(Dataset items)
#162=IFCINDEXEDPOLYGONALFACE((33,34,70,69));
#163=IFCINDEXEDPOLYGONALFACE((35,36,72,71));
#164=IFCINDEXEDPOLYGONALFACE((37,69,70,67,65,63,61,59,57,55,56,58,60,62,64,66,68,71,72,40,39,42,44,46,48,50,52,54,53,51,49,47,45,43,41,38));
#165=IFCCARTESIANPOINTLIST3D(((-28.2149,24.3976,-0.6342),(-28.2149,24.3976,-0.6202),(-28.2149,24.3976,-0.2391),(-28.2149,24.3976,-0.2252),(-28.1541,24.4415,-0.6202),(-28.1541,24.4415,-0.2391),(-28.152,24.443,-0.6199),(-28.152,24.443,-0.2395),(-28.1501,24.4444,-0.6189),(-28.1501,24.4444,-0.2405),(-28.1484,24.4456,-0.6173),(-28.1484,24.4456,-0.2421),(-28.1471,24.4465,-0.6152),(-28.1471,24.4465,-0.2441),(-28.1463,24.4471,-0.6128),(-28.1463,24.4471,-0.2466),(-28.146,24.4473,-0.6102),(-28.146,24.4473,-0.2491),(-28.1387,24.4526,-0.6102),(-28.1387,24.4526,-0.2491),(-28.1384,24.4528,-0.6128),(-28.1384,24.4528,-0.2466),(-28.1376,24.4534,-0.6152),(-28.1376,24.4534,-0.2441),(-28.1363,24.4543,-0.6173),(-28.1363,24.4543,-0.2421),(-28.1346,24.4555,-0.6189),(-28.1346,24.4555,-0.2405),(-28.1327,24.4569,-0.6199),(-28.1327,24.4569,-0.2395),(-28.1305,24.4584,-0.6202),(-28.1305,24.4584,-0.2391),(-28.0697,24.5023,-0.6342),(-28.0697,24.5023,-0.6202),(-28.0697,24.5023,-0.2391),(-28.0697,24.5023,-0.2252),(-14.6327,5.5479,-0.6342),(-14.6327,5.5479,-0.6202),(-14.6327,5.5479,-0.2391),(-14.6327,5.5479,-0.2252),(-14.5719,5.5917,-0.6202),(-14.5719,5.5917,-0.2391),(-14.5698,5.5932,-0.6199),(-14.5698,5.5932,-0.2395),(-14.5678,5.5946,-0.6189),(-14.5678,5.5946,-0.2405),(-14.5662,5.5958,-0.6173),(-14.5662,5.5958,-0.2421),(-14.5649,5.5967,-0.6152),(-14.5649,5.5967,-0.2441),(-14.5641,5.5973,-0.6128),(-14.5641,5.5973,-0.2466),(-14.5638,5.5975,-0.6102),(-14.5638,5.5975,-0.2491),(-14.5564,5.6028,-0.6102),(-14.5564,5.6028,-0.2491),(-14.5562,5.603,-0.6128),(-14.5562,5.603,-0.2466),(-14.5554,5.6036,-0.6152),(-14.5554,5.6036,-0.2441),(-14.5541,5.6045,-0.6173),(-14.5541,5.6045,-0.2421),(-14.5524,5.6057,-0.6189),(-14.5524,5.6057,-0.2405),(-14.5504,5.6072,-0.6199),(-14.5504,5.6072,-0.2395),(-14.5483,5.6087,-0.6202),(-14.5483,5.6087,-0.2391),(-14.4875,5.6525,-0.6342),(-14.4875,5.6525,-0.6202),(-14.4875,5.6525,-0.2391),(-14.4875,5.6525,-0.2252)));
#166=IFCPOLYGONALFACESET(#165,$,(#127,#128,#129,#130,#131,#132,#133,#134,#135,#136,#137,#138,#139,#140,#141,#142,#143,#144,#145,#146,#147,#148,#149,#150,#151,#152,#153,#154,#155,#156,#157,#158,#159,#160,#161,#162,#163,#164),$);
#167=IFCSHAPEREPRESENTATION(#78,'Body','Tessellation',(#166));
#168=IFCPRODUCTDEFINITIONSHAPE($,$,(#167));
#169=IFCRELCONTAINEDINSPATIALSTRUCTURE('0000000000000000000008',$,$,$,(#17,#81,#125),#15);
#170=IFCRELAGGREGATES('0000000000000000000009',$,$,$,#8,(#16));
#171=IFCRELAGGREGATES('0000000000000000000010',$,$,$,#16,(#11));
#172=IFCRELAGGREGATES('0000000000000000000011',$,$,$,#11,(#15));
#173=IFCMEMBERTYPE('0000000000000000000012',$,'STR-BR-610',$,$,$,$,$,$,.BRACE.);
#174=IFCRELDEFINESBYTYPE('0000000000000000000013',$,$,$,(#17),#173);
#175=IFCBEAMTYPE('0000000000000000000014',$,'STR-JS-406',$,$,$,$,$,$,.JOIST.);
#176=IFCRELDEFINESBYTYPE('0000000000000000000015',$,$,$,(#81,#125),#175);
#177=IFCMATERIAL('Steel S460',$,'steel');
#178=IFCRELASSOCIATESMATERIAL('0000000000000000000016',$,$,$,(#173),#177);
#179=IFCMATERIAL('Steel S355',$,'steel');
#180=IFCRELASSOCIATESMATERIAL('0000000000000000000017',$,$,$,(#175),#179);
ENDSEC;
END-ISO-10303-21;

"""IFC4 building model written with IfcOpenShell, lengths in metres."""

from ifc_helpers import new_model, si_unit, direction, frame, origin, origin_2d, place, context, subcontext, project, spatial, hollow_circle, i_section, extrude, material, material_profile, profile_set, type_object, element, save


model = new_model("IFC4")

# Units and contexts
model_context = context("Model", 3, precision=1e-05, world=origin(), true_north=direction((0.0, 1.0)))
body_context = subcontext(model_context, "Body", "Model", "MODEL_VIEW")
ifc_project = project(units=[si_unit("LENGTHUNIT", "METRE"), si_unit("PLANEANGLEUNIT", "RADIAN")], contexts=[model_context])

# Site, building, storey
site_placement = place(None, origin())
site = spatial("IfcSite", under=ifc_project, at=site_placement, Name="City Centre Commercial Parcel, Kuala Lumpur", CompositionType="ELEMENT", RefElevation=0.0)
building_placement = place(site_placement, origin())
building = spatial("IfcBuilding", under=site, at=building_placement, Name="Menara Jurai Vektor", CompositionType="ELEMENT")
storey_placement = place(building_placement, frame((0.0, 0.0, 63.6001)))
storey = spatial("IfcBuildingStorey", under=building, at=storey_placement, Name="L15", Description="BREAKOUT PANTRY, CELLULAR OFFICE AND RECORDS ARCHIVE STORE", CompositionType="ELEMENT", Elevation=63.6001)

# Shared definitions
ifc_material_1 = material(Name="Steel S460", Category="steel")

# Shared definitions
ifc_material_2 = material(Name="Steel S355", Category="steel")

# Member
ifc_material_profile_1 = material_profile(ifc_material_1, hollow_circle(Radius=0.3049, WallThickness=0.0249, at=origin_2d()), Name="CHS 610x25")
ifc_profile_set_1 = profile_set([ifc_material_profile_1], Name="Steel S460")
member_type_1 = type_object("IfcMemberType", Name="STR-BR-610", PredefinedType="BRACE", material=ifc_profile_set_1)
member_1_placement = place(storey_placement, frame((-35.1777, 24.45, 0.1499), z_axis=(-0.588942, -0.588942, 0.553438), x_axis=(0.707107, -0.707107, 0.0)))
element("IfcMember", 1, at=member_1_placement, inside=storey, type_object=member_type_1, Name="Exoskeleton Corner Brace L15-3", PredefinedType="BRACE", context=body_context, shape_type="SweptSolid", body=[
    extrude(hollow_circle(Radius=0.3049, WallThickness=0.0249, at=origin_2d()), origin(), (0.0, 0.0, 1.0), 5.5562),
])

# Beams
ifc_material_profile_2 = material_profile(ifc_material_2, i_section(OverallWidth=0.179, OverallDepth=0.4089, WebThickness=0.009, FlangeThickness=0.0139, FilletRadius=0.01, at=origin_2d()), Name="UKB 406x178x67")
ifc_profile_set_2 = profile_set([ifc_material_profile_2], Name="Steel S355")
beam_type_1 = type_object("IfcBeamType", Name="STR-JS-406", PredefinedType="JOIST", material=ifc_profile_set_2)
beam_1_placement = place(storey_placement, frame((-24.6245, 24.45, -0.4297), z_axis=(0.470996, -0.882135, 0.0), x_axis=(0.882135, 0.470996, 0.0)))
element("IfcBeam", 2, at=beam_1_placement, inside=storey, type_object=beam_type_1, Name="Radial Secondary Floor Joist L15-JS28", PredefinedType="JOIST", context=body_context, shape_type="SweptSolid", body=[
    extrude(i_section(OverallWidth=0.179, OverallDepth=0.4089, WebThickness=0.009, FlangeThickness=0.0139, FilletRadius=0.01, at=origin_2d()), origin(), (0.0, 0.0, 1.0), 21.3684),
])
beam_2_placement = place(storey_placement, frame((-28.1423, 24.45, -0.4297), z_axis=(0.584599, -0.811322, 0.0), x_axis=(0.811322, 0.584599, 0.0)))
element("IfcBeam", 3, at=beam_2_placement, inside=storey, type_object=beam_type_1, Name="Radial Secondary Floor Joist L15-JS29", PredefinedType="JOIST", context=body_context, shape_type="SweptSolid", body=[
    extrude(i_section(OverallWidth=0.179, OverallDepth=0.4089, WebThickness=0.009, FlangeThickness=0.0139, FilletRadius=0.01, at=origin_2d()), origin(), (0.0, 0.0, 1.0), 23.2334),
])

*TASK DIRECTIONS:*
Among the entries above, the lines between the ones containing "#170=IFCRELAGGREGATES('0000000000000000000009',$,$,$,#8,(#16));" and "#179=IFCMATERIAL('Steel S355',$,'steel');", inclusive, are to be transcribed exactly. No other line is to be given.

*WRITTEN REPLY:*
#170=IFCRELAGGREGATES('0000000000000000000009',$,$,$,#8,(#16));
#171=IFCRELAGGREGATES('0000000000000000000010',$,$,$,#16,(#11));
#172=IFCRELAGGREGATES('0000000000000000000011',$,$,$,#11,(#15));
#173=IFCMEMBERTYPE('0000000000000000000012',$,'STR-BR-610',$,$,$,$,$,$,.BRACE.);
#174=IFCRELDEFINESBYTYPE('0000000000000000000013',$,$,$,(#17),#173);
#175=IFCBEAMTYPE('0000000000000000000014',$,'STR-JS-406',$,$,$,$,$,$,.JOIST.);
#176=IFCRELDEFINESBYTYPE('0000000000000000000015',$,$,$,(#81,#125),#175);
#177=IFCMATERIAL('Steel S460',$,'steel');
#178=IFCRELASSOCIATESMATERIAL('0000000000000000000016',$,$,$,(#173),#177);
#179=IFCMATERIAL('Steel S355',$,'steel');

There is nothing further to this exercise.